● **Extracted data**:
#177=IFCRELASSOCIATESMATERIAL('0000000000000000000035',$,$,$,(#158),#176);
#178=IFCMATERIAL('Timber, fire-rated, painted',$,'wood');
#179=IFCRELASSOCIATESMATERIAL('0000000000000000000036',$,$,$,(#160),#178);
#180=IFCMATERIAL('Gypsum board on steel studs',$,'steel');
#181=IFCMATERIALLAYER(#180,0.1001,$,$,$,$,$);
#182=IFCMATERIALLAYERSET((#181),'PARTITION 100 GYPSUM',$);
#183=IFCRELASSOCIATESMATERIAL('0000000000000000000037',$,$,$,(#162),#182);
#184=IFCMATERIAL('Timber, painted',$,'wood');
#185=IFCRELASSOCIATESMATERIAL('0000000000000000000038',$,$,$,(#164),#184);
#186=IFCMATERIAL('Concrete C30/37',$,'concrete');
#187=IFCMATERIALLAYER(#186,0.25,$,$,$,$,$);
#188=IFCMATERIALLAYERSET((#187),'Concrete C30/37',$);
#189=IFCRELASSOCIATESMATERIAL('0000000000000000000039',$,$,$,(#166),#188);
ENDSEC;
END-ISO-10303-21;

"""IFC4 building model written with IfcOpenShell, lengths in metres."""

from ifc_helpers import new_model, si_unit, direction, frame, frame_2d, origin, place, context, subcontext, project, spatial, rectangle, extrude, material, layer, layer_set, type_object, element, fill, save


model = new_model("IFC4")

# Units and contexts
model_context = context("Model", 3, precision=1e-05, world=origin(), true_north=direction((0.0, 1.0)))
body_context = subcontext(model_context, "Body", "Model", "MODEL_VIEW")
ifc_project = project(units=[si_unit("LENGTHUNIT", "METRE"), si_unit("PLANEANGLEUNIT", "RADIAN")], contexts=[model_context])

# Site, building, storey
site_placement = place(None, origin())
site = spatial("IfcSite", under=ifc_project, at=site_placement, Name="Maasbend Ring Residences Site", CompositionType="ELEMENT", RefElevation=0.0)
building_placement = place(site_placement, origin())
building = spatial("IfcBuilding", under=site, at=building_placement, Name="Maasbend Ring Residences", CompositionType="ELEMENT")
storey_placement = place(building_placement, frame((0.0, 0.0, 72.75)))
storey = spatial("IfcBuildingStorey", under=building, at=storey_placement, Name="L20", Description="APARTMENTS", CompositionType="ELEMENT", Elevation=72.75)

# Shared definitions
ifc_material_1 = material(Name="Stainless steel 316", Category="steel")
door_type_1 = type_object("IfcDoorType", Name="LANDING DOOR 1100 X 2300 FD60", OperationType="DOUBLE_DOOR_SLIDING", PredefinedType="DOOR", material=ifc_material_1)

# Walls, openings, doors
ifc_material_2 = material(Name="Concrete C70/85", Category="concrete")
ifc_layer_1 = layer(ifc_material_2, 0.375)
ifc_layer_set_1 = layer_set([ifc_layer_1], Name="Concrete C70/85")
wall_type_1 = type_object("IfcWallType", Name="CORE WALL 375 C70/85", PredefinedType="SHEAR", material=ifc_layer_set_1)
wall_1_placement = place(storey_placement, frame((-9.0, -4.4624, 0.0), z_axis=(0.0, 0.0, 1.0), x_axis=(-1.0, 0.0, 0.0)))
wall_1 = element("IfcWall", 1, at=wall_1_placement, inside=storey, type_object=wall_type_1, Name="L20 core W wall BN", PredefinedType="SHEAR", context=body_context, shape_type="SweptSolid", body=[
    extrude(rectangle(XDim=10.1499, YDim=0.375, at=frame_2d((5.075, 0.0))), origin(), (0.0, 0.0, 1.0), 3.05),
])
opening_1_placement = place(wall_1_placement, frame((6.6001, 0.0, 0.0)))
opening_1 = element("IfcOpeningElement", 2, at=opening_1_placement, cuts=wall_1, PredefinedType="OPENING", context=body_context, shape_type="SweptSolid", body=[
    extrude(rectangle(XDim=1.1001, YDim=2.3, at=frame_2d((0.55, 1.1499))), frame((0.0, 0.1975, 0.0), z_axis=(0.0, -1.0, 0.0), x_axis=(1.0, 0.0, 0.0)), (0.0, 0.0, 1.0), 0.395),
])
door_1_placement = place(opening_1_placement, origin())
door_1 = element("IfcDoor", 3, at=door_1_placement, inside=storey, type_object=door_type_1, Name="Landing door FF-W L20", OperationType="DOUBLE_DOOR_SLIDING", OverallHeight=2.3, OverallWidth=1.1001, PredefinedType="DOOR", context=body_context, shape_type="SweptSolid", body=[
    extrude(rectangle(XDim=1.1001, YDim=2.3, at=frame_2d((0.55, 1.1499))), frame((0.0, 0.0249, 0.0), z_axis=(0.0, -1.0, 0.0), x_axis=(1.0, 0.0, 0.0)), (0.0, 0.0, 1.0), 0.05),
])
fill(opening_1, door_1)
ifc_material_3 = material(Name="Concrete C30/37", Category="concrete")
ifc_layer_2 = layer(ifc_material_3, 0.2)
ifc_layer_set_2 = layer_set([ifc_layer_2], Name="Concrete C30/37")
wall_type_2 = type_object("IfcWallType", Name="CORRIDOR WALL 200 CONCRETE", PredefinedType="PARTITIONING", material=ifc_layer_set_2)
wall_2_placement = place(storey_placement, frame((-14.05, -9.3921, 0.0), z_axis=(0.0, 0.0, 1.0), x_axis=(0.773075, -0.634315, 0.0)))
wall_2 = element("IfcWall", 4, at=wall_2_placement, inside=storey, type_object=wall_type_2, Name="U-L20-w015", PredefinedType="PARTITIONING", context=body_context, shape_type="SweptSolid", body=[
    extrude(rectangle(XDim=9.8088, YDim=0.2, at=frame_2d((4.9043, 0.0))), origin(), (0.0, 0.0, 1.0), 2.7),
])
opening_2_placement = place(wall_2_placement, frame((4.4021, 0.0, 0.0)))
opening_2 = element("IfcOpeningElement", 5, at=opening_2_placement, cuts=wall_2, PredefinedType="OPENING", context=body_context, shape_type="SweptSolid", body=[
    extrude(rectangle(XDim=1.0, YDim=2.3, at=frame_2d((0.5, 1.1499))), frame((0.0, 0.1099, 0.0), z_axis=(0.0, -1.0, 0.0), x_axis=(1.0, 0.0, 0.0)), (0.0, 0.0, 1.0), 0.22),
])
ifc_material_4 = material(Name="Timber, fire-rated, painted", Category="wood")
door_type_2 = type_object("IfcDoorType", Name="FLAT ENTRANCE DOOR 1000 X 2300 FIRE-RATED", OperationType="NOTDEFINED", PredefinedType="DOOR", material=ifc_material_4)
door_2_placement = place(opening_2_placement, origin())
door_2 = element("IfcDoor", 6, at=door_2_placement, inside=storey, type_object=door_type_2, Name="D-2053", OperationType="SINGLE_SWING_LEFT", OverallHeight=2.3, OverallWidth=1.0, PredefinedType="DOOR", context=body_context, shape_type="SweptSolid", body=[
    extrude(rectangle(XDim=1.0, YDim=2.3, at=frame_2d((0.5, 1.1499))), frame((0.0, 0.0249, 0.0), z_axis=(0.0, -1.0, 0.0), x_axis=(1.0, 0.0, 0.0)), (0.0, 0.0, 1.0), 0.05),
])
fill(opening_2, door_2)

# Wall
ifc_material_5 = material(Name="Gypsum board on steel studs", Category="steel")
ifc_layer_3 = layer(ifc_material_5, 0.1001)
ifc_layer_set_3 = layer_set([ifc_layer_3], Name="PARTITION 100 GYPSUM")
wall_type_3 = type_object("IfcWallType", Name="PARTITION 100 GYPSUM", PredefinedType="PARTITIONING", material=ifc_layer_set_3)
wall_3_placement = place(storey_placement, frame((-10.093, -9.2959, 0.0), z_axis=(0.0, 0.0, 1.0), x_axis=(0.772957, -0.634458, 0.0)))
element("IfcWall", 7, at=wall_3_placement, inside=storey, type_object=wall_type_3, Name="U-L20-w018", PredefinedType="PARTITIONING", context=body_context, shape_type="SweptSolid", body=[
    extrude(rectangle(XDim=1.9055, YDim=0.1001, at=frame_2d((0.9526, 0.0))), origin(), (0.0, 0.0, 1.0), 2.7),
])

● **Assignment**: Please return exactly the lines from the opening line of the data above through the line with "building_placement = place(site_placement, origin())", both included and nothing else.

● **Worked solution**:
#177=IFCRELASSOCIATESMATERIAL('0000000000000000000035',$,$,$,(#158),#176);
#178=IFCMATERIAL('Timber, fire-rated, painted',$,'wood');
#179=IFCRELASSOCIATESMATERIAL('0000000000000000000036',$,$,$,(#160),#178);
#180=IFCMATERIAL('Gypsum board on steel studs',$,'steel');
#181=IFCMATERIALLAYER(#180,0.1001,$,$,$,$,$);
#182=IFCMATERIALLAYERSET((#181),'PARTITION 100 GYPSUM',$);
#183=IFCRELASSOCIATESMATERIAL('0000000000000000000037',$,$,$,(#162),#182);
#184=IFCMATERIAL('Timber, painted',$,'wood');
#185=IFCRELASSOCIATESMATERIAL('0000000000000000000038',$,$,$,(#164),#184);
#186=IFCMATERIAL('Concrete C30/37',$,'concrete');
#187=IFCMATERIALLAYER(#186,0.25,$,$,$,$,$);
#188=IFCMATERIALLAYERSET((#187),'Concrete C30/37',$);
#189=IFCRELASSOCIATESMATERIAL('0000000000000000000039',$,$,$,(#166),#188);
ENDSEC;
END-ISO-10303-21;

"""IFC4 building model written with IfcOpenShell, lengths in metres."""

from ifc_helpers import new_model, si_unit, direction, frame, frame_2d, origin, place, context, subcontext, project, spatial, rectangle, extrude, material, layer, layer_set, type_object, element, fill, save


model = new_model("IFC4")

# Units and contexts
model_context = context("Model", 3, precision=1e-05, world=origin(), true_north=direction((0.0, 1.0)))
body_context = subcontext(model_context, "Body", "Model", "MODEL_VIEW")
ifc_project = project(units=[si_unit("LENGTHUNIT", "METRE"), si_unit("PLANEANGLEUNIT", "RADIAN")], contexts=[model_context])

# Site, building, storey
site_placement = place(None, origin())
site = spatial("IfcSite", under=ifc_project, at=site_placement, Name="Maasbend Ring Residences Site", CompositionType="ELEMENT", RefElevation=0.0)
building_placement = place(site_placement, origin())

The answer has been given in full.